--- INFORMATION GIVEN ---
***

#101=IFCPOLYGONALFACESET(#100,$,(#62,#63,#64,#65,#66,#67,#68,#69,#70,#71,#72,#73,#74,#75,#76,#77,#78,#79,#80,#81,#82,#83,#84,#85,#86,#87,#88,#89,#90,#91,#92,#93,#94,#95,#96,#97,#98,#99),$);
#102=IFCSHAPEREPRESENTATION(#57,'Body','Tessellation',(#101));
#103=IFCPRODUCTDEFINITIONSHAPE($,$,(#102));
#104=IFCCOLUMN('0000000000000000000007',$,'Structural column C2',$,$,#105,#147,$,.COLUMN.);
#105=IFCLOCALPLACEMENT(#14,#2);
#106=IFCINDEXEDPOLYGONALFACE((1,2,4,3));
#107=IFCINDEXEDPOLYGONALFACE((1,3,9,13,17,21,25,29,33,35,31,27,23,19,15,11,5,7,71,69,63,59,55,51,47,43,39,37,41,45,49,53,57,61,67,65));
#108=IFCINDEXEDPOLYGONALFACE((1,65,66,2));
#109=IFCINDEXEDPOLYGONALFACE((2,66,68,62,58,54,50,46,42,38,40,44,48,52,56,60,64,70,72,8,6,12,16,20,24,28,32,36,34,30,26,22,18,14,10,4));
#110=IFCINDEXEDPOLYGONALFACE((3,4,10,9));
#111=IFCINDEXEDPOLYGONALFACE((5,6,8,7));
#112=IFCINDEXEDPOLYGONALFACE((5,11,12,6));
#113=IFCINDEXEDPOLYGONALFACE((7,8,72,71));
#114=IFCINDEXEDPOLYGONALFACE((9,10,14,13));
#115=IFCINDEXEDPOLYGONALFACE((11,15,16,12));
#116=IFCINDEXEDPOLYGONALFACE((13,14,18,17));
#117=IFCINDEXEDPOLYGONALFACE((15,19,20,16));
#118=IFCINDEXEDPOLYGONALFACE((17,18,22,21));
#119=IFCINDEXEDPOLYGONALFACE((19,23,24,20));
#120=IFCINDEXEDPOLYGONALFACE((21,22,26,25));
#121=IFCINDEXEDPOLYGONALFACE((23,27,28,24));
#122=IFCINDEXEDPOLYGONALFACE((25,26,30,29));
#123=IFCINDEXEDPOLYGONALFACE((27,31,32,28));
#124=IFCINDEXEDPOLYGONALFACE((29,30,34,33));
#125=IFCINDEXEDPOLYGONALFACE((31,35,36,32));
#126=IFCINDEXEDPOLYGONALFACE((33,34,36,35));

***

--- INSTRUCTIONS FOR THE TASK ---
Give exactly the lines from the one with "#119=IFCINDEXEDPOLYGONALFACE((19,23,24,20));" to the end of the entries, nothing before them.

--- EXERCISE RESULT ---
#119=IFCINDEXEDPOLYGONALFACE((19,23,24,20));
#120=IFCINDEXEDPOLYGONALFACE((21,22,26,25));
#121=IFCINDEXEDPOLYGONALFACE((23,27,28,24));
#122=IFCINDEXEDPOLYGONALFACE((25,26,30,29));
#123=IFCINDEXEDPOLYGONALFACE((27,31,32,28));
#124=IFCINDEXEDPOLYGONALFACE((29,30,34,33));
#125=IFCINDEXEDPOLYGONALFACE((31,35,36,32));
#126=IFCINDEXEDPOLYGONALFACE((33,34,36,35));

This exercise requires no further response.